#### [EXERCISE DIRECTIONS]
When you reach the line containing "#85=IFCMATERIALLAYER(#84,0.1599,$,'WL-PART-160',$,$,$);" in the entries below, begin reproducing lines exactly, and stop once the line containing "END-ISO-10303-21;" is done.

#### [Dataset entries]
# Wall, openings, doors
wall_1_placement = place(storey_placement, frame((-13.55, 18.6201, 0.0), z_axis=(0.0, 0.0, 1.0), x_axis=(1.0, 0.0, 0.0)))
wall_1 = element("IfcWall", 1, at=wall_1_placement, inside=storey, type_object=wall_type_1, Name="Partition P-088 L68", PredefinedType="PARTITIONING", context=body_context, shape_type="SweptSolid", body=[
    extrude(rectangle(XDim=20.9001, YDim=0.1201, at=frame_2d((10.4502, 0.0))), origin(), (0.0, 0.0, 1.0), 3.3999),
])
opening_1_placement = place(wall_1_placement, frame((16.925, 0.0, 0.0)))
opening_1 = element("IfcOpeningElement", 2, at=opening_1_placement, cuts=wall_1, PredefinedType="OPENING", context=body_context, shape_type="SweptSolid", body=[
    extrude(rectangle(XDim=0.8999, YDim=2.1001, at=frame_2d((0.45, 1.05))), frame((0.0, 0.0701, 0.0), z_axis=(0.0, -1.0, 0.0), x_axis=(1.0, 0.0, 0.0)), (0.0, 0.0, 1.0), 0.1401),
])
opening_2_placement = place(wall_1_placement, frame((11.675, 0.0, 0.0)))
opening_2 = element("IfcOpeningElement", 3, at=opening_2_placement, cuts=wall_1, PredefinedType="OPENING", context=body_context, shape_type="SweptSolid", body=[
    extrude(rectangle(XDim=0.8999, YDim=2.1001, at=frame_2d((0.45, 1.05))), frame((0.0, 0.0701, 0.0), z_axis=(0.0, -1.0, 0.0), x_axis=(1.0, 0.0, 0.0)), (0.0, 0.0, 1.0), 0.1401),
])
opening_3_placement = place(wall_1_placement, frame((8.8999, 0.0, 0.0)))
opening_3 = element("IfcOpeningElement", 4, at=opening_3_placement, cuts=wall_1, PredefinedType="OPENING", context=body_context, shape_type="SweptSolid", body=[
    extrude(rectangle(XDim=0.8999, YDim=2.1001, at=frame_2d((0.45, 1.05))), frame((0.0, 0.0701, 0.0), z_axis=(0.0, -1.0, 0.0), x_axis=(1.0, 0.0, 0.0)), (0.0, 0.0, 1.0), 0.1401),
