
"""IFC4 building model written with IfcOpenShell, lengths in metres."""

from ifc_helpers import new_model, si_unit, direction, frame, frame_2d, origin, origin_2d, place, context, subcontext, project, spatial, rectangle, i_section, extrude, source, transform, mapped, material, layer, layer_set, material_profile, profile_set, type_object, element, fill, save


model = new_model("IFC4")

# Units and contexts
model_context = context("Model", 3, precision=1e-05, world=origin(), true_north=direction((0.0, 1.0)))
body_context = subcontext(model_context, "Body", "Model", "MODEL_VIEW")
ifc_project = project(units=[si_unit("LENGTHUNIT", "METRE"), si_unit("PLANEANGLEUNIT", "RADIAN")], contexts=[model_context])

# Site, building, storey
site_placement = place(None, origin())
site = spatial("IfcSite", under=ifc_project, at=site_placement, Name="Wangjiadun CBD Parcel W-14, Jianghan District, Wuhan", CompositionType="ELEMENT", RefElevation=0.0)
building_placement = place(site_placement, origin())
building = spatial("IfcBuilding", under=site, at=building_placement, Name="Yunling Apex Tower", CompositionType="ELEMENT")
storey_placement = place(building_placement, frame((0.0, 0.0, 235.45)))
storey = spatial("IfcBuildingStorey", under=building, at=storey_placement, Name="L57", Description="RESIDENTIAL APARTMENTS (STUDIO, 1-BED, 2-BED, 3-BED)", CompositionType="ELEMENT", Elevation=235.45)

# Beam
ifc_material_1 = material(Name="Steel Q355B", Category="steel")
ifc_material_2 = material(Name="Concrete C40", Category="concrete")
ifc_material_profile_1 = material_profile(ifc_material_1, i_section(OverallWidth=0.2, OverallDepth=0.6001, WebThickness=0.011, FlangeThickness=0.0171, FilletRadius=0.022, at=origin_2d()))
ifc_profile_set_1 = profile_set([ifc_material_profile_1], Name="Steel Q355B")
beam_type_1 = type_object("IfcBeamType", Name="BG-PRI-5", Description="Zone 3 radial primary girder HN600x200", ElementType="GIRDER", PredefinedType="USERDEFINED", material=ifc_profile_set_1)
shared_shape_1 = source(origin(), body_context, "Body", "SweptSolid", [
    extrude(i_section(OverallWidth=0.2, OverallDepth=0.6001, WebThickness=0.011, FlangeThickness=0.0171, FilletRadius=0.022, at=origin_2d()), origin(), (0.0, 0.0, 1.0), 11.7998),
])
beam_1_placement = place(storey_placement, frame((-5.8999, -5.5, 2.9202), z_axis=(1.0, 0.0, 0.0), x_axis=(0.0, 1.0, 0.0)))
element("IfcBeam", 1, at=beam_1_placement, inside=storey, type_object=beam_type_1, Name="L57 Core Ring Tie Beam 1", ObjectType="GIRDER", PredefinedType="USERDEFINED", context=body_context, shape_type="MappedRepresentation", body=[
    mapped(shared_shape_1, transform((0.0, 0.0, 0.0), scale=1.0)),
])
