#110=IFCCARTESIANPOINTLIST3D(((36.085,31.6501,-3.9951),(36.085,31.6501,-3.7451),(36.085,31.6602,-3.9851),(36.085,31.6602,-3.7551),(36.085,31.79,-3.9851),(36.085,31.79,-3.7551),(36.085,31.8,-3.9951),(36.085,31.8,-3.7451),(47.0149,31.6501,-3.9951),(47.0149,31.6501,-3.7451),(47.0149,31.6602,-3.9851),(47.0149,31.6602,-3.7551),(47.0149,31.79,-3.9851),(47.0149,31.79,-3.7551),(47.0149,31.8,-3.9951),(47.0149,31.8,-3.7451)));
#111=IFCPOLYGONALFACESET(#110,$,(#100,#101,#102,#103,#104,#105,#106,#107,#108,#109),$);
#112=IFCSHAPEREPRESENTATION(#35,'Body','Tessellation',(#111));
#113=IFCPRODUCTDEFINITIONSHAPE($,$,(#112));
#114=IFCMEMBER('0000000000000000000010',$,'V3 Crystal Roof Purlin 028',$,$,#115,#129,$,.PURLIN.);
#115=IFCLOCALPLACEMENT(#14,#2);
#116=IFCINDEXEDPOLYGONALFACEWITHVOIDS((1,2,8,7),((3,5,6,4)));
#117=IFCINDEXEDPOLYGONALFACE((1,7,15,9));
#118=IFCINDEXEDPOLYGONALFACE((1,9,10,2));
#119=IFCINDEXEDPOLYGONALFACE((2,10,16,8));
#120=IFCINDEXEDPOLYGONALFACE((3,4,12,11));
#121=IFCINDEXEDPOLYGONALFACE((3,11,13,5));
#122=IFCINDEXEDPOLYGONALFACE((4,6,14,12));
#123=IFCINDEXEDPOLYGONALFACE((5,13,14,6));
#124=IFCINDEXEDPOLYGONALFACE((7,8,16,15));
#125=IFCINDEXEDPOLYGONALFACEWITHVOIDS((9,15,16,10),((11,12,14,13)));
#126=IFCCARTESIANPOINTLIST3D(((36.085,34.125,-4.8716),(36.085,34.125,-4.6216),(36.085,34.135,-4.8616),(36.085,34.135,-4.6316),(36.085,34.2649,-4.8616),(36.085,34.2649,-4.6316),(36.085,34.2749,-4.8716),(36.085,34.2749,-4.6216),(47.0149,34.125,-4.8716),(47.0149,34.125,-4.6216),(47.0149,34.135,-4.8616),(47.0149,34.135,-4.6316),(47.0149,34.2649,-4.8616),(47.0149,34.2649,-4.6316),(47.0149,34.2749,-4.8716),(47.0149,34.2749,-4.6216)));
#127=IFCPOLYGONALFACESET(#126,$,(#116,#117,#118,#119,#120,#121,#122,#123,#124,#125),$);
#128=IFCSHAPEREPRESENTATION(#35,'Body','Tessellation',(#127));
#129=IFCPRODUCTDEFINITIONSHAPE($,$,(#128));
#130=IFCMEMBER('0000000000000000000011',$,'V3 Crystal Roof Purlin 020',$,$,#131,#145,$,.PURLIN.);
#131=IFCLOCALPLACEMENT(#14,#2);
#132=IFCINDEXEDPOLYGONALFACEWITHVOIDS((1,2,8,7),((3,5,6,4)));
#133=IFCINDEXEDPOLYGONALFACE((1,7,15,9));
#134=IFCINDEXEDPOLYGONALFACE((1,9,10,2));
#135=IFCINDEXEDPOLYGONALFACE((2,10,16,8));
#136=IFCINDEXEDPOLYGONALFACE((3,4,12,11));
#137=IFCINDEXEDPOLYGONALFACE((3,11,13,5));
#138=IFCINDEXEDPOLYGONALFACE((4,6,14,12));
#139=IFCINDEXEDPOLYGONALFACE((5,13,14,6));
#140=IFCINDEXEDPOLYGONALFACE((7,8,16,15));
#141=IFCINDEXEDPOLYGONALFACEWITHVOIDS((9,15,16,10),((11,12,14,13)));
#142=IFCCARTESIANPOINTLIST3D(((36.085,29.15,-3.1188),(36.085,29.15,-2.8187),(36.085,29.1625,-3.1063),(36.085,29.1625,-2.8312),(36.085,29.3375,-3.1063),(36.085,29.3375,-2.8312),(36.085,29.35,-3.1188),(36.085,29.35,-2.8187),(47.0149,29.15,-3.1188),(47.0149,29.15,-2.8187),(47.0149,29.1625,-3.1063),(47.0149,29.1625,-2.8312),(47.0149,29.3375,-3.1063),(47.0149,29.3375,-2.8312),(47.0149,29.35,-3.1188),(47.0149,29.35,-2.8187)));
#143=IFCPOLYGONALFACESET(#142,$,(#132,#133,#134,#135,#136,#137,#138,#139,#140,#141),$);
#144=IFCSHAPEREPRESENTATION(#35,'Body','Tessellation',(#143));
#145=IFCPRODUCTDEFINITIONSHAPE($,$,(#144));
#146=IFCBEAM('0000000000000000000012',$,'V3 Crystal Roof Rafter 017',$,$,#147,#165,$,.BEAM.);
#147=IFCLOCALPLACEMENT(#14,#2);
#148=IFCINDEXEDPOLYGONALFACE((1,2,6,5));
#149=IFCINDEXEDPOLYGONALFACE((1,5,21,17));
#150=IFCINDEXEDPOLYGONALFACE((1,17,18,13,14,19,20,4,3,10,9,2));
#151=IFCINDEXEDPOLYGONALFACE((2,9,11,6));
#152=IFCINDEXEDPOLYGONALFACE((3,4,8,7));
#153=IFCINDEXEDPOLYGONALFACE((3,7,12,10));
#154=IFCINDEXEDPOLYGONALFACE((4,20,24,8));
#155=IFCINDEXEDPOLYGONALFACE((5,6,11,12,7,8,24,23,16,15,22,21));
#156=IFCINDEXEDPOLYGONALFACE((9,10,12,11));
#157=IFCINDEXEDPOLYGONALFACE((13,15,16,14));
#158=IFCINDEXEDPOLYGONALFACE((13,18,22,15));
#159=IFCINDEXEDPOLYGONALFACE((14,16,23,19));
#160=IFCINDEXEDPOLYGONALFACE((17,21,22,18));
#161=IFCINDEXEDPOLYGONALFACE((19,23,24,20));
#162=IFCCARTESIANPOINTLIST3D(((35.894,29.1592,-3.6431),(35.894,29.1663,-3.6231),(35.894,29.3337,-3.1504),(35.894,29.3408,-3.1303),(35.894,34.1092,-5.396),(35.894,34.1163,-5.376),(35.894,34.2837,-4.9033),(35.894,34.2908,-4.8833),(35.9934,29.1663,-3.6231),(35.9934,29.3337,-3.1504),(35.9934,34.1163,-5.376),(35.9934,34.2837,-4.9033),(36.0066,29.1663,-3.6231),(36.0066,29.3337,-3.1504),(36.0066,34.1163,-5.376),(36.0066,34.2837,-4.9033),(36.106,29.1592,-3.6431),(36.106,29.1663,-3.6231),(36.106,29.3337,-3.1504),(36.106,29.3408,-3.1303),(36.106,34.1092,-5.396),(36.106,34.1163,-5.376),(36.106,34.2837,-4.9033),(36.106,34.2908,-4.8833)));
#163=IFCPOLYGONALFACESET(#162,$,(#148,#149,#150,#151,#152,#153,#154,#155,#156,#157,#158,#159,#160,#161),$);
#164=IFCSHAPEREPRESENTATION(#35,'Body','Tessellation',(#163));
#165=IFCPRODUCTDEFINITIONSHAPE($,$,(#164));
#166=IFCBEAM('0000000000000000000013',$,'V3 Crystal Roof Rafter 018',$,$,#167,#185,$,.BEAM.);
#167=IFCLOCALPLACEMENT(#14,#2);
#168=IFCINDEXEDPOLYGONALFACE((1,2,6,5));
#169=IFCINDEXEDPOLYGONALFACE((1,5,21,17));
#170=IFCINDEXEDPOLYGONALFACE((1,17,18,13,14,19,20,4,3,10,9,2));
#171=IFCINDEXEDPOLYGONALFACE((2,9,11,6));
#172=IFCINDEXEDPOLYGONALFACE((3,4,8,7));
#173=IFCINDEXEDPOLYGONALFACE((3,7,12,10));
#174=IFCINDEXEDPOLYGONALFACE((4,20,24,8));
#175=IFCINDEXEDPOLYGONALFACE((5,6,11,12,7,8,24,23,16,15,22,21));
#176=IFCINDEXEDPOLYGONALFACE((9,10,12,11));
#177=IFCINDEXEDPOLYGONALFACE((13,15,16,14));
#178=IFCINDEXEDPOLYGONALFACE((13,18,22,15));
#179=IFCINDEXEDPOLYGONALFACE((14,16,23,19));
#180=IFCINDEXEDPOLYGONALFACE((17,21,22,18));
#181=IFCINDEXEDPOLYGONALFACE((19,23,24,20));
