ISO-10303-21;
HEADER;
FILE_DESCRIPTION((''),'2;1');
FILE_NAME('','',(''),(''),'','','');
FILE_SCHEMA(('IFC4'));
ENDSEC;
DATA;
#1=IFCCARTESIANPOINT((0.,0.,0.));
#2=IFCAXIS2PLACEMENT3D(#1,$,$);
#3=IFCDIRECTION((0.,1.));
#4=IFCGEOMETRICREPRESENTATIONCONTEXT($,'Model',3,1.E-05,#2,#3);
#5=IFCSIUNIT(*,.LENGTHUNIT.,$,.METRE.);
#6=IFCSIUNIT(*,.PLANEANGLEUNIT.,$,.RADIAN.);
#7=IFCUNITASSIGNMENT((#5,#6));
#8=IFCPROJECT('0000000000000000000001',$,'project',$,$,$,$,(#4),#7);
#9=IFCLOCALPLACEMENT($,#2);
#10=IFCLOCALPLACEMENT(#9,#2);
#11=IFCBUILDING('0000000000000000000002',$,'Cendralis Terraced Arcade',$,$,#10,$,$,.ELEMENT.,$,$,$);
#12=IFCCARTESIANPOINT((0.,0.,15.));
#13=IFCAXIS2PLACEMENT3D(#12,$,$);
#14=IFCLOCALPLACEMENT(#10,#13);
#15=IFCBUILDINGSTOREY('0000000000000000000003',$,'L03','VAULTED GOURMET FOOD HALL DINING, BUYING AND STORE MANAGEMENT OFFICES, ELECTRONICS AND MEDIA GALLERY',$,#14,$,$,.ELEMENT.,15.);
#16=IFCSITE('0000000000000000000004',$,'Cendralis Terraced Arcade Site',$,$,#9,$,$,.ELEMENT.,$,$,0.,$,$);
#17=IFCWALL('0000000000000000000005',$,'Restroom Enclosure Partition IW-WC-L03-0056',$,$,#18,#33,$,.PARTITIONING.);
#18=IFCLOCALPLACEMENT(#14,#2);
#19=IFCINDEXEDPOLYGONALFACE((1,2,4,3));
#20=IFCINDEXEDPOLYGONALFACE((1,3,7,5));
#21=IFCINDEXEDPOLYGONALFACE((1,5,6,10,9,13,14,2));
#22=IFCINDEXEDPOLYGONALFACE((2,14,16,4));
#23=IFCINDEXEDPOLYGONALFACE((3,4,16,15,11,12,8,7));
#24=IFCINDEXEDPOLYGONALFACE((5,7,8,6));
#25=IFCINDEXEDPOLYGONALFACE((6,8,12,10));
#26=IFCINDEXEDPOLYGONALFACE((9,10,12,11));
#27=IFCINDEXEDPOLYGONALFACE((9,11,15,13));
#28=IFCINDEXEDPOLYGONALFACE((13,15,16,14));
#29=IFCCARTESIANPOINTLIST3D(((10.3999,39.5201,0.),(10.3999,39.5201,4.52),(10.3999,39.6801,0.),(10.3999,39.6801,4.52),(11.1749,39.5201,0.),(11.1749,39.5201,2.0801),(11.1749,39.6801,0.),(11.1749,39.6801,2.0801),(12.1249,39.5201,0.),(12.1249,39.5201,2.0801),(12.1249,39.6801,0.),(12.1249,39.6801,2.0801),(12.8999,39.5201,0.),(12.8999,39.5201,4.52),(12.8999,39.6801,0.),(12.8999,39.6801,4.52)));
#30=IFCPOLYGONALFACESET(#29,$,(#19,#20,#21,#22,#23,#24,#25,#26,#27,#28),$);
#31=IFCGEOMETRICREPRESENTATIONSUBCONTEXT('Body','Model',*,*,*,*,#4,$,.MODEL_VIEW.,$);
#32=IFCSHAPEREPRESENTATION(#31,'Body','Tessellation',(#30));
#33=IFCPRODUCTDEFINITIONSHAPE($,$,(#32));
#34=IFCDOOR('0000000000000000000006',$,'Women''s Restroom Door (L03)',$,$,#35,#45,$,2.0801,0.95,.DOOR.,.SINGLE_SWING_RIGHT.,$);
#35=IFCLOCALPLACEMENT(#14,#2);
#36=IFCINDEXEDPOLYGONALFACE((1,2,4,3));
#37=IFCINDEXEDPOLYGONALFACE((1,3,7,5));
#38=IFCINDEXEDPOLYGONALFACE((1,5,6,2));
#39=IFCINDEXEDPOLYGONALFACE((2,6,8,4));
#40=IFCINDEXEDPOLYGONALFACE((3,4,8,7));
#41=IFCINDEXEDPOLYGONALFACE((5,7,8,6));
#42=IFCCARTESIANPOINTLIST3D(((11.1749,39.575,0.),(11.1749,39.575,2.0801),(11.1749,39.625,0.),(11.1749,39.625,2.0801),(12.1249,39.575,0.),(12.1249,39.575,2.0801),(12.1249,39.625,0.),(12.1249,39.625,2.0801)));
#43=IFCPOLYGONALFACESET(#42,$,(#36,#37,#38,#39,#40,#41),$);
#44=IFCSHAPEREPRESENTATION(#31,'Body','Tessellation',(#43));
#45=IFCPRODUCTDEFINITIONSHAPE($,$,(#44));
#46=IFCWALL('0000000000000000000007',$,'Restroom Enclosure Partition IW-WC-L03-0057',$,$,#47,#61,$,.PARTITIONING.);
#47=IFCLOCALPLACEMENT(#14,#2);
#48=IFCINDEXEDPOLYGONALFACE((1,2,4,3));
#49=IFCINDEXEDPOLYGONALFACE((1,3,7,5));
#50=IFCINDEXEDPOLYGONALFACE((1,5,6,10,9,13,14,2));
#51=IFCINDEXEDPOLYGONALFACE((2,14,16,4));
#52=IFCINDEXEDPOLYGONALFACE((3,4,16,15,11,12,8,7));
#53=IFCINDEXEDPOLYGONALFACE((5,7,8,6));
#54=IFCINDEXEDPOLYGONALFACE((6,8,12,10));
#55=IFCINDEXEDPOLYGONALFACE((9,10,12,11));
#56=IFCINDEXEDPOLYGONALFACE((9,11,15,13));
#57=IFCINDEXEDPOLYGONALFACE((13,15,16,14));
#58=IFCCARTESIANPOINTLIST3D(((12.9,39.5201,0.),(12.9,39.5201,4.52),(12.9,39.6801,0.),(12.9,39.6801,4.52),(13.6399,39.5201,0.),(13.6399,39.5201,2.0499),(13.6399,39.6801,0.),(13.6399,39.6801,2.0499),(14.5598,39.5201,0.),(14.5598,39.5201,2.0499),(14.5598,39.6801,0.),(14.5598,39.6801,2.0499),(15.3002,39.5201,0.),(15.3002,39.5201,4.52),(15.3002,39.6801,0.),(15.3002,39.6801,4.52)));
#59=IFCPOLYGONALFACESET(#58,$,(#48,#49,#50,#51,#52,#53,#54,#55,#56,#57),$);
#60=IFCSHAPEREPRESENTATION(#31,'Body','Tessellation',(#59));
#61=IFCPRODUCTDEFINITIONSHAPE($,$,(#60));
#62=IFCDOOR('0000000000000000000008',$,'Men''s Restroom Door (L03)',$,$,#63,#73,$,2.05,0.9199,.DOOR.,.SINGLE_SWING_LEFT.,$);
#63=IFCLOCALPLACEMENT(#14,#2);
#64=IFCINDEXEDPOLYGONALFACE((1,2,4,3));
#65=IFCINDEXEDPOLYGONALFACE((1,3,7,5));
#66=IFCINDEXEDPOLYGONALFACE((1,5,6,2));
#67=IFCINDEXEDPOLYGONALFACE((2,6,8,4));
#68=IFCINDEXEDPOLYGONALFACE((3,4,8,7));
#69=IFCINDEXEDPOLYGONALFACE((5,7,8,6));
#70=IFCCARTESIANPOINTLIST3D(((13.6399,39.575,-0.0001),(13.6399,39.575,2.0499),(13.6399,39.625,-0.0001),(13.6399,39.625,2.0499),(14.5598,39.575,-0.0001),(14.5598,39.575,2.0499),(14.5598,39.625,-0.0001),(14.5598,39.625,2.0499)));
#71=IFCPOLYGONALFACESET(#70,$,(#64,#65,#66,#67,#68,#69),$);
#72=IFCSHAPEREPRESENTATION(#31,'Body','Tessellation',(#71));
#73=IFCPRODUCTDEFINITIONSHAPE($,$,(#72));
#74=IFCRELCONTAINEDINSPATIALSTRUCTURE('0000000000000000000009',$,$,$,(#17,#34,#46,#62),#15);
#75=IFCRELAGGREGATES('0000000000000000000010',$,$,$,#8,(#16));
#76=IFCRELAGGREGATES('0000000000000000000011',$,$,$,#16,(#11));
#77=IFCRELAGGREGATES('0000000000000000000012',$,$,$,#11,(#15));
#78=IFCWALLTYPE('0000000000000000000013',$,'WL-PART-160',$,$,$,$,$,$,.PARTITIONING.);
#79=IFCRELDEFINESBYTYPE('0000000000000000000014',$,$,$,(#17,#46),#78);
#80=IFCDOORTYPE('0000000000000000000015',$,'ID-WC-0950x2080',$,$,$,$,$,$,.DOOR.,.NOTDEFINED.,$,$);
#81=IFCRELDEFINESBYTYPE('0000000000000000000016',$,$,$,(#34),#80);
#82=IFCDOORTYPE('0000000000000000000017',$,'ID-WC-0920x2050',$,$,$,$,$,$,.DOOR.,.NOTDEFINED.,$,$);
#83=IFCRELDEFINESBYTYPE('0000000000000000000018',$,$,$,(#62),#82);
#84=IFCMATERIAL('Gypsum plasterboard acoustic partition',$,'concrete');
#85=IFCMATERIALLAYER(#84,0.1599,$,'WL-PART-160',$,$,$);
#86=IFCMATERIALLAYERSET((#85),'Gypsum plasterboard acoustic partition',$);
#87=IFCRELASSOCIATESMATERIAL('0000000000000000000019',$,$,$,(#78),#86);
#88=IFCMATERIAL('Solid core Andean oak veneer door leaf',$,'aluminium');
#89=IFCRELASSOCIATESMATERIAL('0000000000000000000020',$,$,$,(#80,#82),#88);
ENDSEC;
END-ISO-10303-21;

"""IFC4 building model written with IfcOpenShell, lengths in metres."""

from ifc_helpers import new_model, si_unit, direction, frame, frame_2d, origin, place, context, subcontext, project, spatial, rectangle, extrude, material, layer, layer_set, type_object, element, fill, save


model = new_model("IFC4")

# Units and contexts
model_context = context("Model", 3, precision=1e-05, world=origin(), true_north=direction((0.0, 1.0)))
body_context = subcontext(model_context, "Body", "Model", "MODEL_VIEW")
ifc_project = project(units=[si_unit("LENGTHUNIT", "METRE"), si_unit("PLANEANGLEUNIT", "RADIAN")], contexts=[model_context])

# Site, building, storey
site_placement = place(None, origin())
site = spatial("IfcSite", under=ifc_project, at=site_placement, Name="Cendralis Terraced Arcade Site", CompositionType="ELEMENT", RefElevation=0.0)
building_placement = place(site_placement, origin())
building = spatial("IfcBuilding", under=site, at=building_placement, Name="Cendralis Terraced Arcade", CompositionType="ELEMENT")
storey_placement = place(building_placement, frame((0.0, 0.0, 15.0)))
storey = spatial("IfcBuildingStorey", under=building, at=storey_placement, Name="L03", Description="VAULTED GOURMET FOOD HALL DINING, BUYING AND STORE MANAGEMENT OFFICES, ELECTRONICS AND MEDIA GALLERY", CompositionType="ELEMENT", Elevation=15.0)

# Shared definitions
ifc_material_1 = material(Name="Gypsum plasterboard acoustic partition", Category="concrete")

# Walls, openings, doors
ifc_layer_1 = layer(ifc_material_1, 0.1599, Name="WL-PART-160")
ifc_layer_set_1 = layer_set([ifc_layer_1], Name="Gypsum plasterboard acoustic partition")
wall_type_1 = type_object("IfcWallType", Name="WL-PART-160", PredefinedType="PARTITIONING", material=ifc_layer_set_1)
wall_1_placement = place(storey_placement, frame((10.3999, 39.6001, 0.0), z_axis=(0.0, 0.0, 1.0), x_axis=(1.0, 0.0, 0.0)))
wall_1 = element("IfcWall", 1, at=wall_1_placement, inside=storey, type_object=wall_type_1, Name="Restroom Enclosure Partition IW-WC-L03-0056", PredefinedType="PARTITIONING", context=body_context, shape_type="SweptSolid", body=[
    extrude(rectangle(XDim=2.5, YDim=0.1599, at=frame_2d((1.25, 0.0))), origin(), (0.0, 0.0, 1.0), 4.52),
])
opening_1_placement = place(wall_1_placement, frame((0.7749, 0.0, 0.0)))
opening_1 = element("IfcOpeningElement", 2, at=opening_1_placement, cuts=wall_1, PredefinedType="OPENING", context=body_context, shape_type="SweptSolid", body=[
    extrude(rectangle(XDim=0.95, YDim=2.0801, at=frame_2d((0.4751, 1.04))), frame((0.0, 0.0918, 0.0), z_axis=(0.0, -1.0, 0.0), x_axis=(1.0, 0.0, 0.0)), (0.0, 0.0, 1.0), 0.1838),
])
ifc_material_2 = material(Name="Solid core Andean oak veneer door leaf", Category="aluminium")
door_type_1 = type_object("IfcDoorType", Name="ID-WC-0950x2080", OperationType="NOTDEFINED", PredefinedType="DOOR", material=ifc_material_2)
door_1_placement = place(opening_1_placement, origin())
door_1 = element("IfcDoor", 3, at=door_1_placement, inside=storey, type_object=door_type_1, Name="Women's Restroom Door (L03)", OperationType="SINGLE_SWING_RIGHT", OverallHeight=2.0801, OverallWidth=0.95, PredefinedType="DOOR", context=body_context, shape_type="SweptSolid", body=[
    extrude(rectangle(XDim=0.95, YDim=2.0801, at=frame_2d((0.4751, 1.04))), frame((0.0, 0.0249, 0.0), z_axis=(0.0, -1.0, 0.0), x_axis=(1.0, 0.0, 0.0)), (0.0, 0.0, 1.0), 0.05),
])
fill(opening_1, door_1)
wall_2_placement = place(storey_placement, frame((12.8999, 39.6001, 0.0), z_axis=(0.0, 0.0, 1.0), x_axis=(1.0, 0.0, 0.0)))
wall_2 = element("IfcWall", 4, at=wall_2_placement, inside=storey, type_object=wall_type_1, Name="Restroom Enclosure Partition IW-WC-L03-0057", PredefinedType="PARTITIONING", context=body_context, shape_type="SweptSolid", body=[
    extrude(rectangle(XDim=2.4001, YDim=0.1599, at=frame_2d((1.2002, 0.0))), origin(), (0.0, 0.0, 1.0), 4.52),
])
opening_2_placement = place(wall_2_placement, frame((0.74, 0.0, 0.0)))
opening_2 = element("IfcOpeningElement", 5, at=opening_2_placement, cuts=wall_2, PredefinedType="OPENING", context=body_context, shape_type="SweptSolid", body=[
    extrude(rectangle(XDim=0.9199, YDim=2.05, at=frame_2d((0.46, 1.0249))), frame((0.0, 0.0918, 0.0), z_axis=(0.0, -1.0, 0.0), x_axis=(1.0, 0.0, 0.0)), (0.0, 0.0, 1.0), 0.1838),
])
door_type_2 = type_object("IfcDoorType", Name="ID-WC-0920x2050", OperationType="NOTDEFINED", PredefinedType="DOOR", material=ifc_material_2)
door_2_placement = place(opening_2_placement, origin())
door_2 = element("IfcDoor", 6, at=door_2_placement, inside=storey, type_object=door_type_2, Name="Men's Restroom Door (L03)", OperationType="SINGLE_SWING_LEFT", OverallHeight=2.05, OverallWidth=0.9199, PredefinedType="DOOR", context=body_context, shape_type="SweptSolid", body=[
    extrude(rectangle(XDim=0.9199, YDim=2.05, at=frame_2d((0.46, 1.0249))), frame((0.0, 0.0249, 0.0), z_axis=(0.0, -1.0, 0.0), x_axis=(1.0, 0.0, 0.0)), (0.0, 0.0, 1.0), 0.05),
])
fill(opening_2, door_2)

save(model, "model.ifc")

#### [EXERCISE OUTPUT]
#85=IFCMATERIALLAYER(#84,0.1599,$,'WL-PART-160',$,$,$);
#86=IFCMATERIALLAYERSET((#85),'Gypsum plasterboard acoustic partition',$);
#87=IFCRELASSOCIATESMATERIAL('0000000000000000000019',$,$,$,(#78),#86);
#88=IFCMATERIAL('Solid core Andean oak veneer door leaf',$,'aluminium');
#89=IFCRELASSOCIATESMATERIAL('0000000000000000000020',$,$,$,(#80,#82),#88);
ENDSEC;
END-ISO-10303-21;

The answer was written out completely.